Copy out each line of the material in which the word "Bracket" can be found.

(Extracted entries begins)

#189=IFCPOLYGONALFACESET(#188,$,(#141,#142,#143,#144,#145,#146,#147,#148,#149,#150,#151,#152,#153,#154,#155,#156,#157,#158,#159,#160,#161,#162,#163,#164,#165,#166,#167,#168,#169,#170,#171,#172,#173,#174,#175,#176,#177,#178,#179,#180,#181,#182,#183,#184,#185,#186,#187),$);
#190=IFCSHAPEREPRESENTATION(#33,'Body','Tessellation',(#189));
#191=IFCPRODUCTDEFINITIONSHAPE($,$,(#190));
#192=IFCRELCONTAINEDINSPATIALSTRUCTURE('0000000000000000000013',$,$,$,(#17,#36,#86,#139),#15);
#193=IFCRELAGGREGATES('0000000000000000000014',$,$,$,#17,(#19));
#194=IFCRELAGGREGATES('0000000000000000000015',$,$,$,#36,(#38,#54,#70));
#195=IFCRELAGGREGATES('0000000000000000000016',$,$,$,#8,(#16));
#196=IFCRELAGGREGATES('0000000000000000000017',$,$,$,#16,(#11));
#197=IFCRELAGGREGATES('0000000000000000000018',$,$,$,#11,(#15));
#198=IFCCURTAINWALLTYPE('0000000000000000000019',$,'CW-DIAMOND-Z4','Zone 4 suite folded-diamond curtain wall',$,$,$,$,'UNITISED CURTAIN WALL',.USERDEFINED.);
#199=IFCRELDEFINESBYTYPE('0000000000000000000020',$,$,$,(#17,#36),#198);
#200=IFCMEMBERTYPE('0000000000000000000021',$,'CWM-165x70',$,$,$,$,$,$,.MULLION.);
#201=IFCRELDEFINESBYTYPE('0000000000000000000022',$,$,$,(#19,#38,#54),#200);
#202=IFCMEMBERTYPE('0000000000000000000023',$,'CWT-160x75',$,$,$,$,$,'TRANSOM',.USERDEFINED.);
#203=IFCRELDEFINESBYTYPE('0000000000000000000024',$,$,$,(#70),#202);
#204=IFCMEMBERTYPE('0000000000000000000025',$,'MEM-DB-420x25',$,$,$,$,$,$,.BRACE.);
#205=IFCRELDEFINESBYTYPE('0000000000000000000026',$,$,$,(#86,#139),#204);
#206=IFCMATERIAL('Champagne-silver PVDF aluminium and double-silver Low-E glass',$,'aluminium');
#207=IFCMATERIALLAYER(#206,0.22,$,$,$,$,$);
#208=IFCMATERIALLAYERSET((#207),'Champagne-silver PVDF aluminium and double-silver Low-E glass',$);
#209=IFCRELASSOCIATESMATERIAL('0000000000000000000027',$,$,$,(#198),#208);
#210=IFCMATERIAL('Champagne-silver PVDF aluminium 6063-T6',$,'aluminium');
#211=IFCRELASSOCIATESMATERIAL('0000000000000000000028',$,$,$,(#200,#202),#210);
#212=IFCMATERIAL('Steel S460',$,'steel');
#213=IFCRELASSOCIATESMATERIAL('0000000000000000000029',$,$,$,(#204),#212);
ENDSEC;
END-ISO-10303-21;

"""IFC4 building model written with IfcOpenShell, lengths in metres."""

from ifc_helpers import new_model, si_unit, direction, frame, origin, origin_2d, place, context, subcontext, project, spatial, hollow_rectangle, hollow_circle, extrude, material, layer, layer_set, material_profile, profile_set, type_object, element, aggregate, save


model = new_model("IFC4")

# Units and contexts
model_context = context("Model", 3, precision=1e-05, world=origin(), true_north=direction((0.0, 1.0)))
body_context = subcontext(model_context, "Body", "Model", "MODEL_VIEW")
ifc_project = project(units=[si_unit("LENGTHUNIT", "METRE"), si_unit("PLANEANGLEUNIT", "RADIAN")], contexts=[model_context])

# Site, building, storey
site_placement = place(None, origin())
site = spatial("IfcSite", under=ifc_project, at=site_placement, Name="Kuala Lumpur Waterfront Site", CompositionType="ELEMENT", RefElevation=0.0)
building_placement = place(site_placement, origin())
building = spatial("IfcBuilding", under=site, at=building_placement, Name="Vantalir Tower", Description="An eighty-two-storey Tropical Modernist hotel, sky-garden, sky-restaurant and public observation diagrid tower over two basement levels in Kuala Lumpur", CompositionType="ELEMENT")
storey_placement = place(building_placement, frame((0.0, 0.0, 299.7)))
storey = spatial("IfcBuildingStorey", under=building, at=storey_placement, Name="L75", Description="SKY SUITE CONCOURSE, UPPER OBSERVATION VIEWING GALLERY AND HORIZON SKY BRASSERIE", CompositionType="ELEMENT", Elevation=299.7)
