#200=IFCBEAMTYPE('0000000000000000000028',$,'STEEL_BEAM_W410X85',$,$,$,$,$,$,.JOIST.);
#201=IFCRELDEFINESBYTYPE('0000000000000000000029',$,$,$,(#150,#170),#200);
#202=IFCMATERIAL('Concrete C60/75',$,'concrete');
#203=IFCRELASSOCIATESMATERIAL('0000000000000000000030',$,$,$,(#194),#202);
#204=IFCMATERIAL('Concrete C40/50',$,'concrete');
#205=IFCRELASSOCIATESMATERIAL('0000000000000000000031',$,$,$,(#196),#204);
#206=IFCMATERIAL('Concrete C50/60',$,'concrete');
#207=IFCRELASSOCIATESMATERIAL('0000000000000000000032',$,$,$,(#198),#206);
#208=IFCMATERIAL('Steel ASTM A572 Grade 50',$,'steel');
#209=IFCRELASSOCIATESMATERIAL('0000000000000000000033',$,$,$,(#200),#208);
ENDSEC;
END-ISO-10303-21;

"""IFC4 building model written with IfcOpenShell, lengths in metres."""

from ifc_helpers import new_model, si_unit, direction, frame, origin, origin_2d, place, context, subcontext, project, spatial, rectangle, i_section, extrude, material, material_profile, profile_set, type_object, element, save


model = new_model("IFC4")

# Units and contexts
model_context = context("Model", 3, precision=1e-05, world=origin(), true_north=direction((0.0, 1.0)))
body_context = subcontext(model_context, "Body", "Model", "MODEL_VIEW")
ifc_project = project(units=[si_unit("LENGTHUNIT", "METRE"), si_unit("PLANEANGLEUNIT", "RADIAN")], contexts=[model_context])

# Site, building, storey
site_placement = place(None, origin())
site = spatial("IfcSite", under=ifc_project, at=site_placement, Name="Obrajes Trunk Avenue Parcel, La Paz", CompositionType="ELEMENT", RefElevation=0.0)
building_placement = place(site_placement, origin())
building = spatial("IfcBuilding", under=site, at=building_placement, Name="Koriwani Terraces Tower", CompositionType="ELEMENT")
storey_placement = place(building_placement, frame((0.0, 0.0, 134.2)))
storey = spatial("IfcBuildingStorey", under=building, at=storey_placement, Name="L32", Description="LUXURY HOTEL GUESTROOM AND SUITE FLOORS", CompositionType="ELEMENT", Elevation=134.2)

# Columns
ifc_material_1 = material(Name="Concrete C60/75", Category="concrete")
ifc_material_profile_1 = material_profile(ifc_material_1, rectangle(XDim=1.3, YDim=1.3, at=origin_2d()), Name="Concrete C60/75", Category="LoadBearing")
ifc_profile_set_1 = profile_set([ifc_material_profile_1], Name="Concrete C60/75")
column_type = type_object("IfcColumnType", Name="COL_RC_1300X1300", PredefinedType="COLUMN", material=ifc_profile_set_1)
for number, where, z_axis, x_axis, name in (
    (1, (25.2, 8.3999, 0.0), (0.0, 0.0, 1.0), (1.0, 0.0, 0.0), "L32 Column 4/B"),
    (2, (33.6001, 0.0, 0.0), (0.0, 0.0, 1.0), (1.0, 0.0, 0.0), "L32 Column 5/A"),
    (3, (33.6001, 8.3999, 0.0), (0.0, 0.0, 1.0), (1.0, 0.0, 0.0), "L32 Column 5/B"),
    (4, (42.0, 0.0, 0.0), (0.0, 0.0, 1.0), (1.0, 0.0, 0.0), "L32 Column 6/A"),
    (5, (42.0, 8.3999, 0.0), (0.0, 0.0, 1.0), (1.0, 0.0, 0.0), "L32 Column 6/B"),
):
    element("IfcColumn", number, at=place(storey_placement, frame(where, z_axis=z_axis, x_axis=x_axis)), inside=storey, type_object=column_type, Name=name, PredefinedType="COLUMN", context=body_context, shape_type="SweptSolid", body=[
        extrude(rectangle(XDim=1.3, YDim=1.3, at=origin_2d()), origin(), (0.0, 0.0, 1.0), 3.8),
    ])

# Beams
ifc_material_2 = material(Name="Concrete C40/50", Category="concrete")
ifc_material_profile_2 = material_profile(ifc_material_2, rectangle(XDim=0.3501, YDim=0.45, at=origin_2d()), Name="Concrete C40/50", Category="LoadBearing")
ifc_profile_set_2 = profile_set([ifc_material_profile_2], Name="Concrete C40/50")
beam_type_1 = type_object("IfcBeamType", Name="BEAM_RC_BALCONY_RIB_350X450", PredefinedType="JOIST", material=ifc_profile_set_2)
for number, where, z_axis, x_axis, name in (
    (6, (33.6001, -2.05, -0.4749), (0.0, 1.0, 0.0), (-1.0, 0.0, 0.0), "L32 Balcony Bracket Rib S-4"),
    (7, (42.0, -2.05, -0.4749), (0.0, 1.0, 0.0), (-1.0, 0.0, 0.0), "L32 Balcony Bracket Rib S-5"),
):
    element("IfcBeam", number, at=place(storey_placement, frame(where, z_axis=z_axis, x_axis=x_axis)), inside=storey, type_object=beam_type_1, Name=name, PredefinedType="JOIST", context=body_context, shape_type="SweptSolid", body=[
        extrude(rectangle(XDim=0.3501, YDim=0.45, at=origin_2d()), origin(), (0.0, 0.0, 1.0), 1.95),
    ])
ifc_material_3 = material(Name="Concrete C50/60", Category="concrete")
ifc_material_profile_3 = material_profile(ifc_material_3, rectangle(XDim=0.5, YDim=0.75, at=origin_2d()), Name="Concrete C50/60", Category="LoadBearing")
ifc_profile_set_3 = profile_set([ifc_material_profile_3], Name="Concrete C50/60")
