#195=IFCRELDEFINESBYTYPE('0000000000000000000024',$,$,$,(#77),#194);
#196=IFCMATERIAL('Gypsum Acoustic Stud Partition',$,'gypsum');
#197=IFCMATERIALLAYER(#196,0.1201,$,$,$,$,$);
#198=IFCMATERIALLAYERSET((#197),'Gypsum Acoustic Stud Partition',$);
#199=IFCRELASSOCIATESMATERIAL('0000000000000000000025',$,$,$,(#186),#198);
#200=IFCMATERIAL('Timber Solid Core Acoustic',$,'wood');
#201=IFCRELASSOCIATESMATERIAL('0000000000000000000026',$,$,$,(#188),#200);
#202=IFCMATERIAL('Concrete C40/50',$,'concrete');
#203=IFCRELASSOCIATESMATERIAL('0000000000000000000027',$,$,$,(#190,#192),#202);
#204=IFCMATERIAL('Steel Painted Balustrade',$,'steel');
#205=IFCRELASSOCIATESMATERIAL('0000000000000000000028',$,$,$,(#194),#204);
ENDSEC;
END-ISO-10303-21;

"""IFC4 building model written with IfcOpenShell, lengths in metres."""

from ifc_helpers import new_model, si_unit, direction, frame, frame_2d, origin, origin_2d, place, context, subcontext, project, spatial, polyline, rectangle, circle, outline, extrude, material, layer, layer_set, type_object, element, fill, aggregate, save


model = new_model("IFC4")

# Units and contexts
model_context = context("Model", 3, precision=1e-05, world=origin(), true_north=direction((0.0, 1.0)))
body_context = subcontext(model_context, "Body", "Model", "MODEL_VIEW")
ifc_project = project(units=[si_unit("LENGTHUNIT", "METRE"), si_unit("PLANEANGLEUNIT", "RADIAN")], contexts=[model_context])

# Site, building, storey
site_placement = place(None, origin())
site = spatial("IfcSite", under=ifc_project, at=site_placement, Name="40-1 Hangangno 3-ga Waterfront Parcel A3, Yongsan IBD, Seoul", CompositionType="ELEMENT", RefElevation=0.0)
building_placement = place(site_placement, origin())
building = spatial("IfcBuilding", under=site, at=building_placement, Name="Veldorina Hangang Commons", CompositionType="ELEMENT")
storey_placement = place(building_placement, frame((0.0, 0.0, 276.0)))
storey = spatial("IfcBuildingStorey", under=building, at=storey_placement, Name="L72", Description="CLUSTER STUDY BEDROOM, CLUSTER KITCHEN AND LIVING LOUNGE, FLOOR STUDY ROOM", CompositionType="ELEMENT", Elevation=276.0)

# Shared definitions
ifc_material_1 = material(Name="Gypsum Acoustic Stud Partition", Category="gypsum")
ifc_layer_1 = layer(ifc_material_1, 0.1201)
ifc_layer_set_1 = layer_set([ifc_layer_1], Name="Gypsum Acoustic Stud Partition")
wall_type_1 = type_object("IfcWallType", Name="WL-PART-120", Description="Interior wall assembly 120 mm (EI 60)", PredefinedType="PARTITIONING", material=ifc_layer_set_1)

(Extracted entries ends)
(Extracted entries begins)

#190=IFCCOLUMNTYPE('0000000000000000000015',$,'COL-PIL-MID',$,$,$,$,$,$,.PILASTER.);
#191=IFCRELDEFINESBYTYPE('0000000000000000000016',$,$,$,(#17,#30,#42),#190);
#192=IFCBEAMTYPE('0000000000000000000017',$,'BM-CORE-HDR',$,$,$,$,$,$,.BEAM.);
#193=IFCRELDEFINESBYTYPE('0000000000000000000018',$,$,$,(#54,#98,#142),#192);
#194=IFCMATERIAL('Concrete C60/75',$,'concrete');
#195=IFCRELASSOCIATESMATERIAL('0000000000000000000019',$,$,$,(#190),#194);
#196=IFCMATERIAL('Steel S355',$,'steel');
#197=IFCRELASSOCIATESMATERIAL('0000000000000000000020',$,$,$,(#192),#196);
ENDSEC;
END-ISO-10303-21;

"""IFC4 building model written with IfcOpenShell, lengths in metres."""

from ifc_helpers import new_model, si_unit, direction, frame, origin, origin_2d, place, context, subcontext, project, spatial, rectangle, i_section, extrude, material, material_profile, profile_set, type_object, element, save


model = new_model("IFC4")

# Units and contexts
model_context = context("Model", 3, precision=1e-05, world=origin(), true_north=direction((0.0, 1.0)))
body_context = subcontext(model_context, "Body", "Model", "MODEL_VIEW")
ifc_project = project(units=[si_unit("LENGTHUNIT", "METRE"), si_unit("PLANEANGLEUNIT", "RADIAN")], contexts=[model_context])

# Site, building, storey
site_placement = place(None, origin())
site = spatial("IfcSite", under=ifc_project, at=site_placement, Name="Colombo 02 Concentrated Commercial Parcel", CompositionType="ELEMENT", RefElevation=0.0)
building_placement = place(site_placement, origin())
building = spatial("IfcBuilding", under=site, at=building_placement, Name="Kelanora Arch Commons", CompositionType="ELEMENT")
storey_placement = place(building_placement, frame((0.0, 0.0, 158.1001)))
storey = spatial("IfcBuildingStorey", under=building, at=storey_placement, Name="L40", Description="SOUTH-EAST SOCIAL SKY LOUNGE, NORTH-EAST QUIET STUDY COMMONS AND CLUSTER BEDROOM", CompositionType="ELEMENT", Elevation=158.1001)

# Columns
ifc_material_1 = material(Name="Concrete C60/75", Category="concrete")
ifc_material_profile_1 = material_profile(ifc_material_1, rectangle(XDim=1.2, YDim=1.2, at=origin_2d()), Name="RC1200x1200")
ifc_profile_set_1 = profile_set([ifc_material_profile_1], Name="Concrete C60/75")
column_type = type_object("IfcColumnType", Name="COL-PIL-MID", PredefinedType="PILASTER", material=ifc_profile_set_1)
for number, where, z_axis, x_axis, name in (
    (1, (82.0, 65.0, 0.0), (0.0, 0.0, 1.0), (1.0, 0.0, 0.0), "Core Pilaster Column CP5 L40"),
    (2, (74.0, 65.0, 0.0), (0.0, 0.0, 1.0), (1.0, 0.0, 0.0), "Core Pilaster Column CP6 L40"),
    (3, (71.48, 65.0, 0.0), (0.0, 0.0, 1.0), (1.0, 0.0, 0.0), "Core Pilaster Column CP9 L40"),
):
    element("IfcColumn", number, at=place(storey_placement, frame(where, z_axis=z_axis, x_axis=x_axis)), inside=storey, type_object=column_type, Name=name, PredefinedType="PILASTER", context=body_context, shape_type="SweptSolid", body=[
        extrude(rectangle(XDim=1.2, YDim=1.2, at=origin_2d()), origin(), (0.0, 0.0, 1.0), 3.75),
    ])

(Extracted entries ends)

■ Final answer:
    (6, (33.6001, -2.05, -0.4749), (0.0, 1.0, 0.0), (-1.0, 0.0, 0.0), "L32 Balcony Bracket Rib S-4"),
    (7, (42.0, -2.05, -0.4749), (0.0, 1.0, 0.0), (-1.0, 0.0, 0.0), "L32 Balcony Bracket Rib S-5"),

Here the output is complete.